DATA: Begin

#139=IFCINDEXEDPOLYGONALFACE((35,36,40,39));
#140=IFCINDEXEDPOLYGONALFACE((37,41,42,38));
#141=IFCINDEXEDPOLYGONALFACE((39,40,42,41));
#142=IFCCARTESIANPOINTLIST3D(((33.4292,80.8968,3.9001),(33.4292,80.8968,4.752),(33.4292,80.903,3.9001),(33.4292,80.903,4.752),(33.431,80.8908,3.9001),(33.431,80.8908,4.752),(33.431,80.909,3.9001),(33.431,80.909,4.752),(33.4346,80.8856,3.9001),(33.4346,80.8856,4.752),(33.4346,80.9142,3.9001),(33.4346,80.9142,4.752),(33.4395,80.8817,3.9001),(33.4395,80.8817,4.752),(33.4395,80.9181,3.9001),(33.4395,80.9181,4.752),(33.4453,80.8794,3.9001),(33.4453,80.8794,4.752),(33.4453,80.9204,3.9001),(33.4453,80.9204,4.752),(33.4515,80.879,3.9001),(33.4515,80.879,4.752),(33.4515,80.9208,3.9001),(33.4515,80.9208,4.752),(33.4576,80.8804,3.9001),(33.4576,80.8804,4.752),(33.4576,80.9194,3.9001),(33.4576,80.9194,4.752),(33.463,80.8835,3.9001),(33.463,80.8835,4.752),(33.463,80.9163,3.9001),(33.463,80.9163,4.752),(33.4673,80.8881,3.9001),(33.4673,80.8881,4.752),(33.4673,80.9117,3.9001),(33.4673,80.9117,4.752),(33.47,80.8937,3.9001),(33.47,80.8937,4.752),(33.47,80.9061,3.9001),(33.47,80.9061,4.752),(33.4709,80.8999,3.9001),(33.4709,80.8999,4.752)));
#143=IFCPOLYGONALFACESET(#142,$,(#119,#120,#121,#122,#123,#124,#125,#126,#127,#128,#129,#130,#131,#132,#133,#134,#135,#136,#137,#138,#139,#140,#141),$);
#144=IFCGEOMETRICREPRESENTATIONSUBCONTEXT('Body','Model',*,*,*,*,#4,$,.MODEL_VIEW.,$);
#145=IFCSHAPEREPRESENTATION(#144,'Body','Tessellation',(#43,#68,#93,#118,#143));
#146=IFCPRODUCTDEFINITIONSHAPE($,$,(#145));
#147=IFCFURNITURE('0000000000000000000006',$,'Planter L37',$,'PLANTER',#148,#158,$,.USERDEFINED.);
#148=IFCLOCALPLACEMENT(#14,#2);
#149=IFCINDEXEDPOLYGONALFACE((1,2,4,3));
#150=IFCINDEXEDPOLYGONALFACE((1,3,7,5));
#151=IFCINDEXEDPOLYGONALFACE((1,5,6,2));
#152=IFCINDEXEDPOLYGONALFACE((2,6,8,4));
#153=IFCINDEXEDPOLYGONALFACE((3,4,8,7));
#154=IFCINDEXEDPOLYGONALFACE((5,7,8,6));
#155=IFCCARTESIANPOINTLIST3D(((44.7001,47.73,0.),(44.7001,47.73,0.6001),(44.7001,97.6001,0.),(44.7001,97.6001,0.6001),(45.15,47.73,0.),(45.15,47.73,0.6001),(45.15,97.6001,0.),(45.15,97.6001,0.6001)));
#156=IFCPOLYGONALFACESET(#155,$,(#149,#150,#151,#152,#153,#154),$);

DATA: End
DATA: Begin

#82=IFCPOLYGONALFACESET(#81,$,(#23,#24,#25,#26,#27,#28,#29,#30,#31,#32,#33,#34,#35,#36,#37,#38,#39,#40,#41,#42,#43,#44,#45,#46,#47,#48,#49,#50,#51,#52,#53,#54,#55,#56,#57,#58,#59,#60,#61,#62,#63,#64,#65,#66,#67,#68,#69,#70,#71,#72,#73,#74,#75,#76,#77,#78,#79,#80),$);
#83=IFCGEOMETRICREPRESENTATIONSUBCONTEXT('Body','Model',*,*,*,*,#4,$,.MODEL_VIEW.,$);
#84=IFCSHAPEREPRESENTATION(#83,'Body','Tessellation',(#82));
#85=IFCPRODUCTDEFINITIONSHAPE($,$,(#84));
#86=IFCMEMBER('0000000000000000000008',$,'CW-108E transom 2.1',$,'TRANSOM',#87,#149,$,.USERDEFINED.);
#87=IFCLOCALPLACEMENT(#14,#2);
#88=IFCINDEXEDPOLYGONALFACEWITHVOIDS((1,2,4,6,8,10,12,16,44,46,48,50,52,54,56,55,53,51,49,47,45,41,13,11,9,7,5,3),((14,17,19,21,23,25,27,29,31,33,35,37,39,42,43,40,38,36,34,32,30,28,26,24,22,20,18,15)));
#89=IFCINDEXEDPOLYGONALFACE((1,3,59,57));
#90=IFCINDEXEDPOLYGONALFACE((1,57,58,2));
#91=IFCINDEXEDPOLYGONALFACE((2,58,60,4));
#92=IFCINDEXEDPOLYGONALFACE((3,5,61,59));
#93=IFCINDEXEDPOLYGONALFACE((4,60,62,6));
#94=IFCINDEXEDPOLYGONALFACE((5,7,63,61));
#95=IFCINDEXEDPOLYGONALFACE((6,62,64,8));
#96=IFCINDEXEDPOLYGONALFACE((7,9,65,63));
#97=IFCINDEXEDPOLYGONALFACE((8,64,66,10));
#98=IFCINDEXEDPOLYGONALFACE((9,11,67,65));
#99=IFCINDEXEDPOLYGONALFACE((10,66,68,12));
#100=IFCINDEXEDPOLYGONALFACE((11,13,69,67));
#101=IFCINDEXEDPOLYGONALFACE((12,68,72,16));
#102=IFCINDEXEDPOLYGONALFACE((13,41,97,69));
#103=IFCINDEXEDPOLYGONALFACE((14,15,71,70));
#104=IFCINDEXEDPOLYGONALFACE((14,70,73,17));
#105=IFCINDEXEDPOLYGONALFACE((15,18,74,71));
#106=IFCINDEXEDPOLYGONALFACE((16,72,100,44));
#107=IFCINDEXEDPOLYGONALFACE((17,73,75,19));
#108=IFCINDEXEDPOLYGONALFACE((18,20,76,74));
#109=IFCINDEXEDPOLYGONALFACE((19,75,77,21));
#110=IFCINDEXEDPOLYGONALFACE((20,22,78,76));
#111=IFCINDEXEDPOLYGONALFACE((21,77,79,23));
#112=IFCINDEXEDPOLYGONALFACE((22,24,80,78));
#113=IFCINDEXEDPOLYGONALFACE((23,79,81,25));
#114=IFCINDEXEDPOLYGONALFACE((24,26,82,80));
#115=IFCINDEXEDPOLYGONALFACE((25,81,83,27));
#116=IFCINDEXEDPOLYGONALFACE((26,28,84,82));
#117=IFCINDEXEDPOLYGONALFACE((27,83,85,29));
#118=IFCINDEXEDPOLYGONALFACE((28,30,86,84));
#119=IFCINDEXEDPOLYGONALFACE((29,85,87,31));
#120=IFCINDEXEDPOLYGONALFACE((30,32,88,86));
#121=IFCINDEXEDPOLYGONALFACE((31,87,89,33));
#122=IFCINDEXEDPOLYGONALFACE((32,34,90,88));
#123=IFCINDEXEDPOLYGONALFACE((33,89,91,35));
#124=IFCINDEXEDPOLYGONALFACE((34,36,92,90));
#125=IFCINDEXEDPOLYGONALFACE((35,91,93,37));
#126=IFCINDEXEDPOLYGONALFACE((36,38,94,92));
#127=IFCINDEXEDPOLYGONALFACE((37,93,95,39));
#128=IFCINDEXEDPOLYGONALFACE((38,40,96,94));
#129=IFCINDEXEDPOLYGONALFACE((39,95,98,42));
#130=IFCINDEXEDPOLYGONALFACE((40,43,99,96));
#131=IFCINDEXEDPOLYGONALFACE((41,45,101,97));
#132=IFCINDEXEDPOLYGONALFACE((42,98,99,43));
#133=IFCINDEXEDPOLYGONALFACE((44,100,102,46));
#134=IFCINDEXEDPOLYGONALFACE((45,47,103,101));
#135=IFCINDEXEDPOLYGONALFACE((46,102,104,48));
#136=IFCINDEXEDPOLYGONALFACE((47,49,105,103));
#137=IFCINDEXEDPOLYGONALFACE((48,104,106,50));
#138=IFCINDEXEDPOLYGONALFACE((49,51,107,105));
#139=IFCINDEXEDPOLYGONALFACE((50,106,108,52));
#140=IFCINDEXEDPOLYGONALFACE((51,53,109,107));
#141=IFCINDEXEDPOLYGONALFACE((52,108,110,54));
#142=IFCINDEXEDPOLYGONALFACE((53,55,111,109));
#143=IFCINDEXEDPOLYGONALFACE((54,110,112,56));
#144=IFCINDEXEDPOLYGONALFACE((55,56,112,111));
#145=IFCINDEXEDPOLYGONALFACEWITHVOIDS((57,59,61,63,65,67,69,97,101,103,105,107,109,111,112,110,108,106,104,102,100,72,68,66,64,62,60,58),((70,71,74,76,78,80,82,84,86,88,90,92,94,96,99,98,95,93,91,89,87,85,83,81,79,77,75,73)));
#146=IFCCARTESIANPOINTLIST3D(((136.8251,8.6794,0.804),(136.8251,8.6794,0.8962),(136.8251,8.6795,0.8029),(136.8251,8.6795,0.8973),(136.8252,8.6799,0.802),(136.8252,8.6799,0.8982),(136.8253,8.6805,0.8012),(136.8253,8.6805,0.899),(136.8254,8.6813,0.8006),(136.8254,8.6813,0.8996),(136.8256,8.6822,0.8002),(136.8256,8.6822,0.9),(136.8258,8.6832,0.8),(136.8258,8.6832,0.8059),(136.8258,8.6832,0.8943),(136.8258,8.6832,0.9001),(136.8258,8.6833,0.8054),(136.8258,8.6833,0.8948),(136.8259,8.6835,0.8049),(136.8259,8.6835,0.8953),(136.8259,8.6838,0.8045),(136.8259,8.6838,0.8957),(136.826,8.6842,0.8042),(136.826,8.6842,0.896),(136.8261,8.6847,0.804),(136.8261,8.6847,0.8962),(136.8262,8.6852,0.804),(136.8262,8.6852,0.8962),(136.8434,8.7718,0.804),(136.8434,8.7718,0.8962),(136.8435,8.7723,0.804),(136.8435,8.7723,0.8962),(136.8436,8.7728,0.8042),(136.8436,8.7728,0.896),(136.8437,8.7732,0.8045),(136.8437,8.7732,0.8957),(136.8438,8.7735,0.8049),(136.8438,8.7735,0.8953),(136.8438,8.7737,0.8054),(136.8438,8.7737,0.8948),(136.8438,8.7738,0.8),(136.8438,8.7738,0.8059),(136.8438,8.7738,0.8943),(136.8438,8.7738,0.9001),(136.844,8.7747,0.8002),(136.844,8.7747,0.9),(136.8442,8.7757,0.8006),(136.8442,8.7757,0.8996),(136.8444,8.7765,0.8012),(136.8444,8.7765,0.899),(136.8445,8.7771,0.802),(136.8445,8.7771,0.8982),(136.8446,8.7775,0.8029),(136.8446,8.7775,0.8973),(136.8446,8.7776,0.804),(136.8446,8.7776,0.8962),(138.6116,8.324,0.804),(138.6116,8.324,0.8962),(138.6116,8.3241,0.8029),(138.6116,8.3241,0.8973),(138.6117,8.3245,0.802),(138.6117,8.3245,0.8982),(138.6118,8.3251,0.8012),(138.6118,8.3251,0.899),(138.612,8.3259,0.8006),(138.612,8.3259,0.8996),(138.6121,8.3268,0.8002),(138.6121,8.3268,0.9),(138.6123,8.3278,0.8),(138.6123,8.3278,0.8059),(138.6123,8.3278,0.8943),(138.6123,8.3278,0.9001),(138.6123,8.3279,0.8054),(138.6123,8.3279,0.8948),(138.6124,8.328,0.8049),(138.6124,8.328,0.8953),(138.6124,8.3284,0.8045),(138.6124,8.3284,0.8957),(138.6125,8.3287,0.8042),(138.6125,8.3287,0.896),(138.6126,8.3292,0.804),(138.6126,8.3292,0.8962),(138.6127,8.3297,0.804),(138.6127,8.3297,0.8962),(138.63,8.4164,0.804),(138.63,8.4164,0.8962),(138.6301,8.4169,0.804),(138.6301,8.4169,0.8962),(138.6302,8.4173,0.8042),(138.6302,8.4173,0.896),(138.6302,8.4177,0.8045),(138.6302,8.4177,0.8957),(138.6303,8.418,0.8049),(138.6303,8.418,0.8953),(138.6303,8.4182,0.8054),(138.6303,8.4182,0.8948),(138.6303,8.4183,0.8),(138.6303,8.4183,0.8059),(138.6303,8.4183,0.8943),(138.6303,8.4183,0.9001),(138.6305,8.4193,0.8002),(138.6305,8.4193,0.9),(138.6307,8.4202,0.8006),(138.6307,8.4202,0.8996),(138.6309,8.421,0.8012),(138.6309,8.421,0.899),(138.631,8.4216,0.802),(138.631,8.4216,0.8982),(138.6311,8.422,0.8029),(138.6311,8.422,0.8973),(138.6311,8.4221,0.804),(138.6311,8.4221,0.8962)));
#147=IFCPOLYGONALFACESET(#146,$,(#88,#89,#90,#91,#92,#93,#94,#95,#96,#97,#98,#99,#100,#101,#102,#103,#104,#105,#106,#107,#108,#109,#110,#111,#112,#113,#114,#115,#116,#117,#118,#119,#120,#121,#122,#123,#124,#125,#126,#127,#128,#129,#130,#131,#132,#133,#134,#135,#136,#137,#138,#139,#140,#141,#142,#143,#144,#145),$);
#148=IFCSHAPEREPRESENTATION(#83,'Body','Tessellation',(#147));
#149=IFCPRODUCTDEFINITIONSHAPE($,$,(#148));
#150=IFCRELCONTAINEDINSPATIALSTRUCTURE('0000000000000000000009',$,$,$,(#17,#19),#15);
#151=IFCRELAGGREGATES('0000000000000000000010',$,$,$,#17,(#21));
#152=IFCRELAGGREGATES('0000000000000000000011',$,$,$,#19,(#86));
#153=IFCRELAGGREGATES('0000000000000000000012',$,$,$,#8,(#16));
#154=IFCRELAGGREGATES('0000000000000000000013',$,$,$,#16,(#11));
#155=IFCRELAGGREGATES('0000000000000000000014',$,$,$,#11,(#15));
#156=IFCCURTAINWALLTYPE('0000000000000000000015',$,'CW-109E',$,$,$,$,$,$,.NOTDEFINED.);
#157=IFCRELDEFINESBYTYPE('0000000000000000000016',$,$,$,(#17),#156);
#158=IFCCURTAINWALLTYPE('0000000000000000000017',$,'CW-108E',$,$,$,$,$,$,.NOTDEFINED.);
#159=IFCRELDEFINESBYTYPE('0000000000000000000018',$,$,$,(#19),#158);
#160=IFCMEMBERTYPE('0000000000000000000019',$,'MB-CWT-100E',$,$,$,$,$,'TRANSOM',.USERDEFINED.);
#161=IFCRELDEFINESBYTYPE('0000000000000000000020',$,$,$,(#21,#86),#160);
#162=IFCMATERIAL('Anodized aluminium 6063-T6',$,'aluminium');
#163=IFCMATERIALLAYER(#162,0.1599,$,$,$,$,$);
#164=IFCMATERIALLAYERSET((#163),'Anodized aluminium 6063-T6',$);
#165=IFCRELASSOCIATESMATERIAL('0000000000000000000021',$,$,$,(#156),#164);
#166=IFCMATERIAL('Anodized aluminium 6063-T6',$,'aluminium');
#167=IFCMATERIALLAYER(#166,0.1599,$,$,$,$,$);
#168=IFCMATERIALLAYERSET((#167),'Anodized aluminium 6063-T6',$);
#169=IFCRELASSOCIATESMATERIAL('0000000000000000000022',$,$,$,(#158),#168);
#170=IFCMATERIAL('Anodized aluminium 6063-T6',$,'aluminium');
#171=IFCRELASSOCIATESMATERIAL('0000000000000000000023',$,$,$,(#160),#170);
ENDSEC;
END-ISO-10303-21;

DATA: End

◆ **EXERCISE REQUIREMENTS**
Every line above with the word "IFCGEOMETRICREPRESENTATIONSUBCONTEXT" belongs in the answer, copied as written.

◆ **WRITTEN ANSWER**
#144=IFCGEOMETRICREPRESENTATIONSUBCONTEXT('Body','Model',*,*,*,*,#4,$,.MODEL_VIEW.,$);
#83=IFCGEOMETRICREPRESENTATIONSUBCONTEXT('Body','Model',*,*,*,*,#4,$,.MODEL_VIEW.,$);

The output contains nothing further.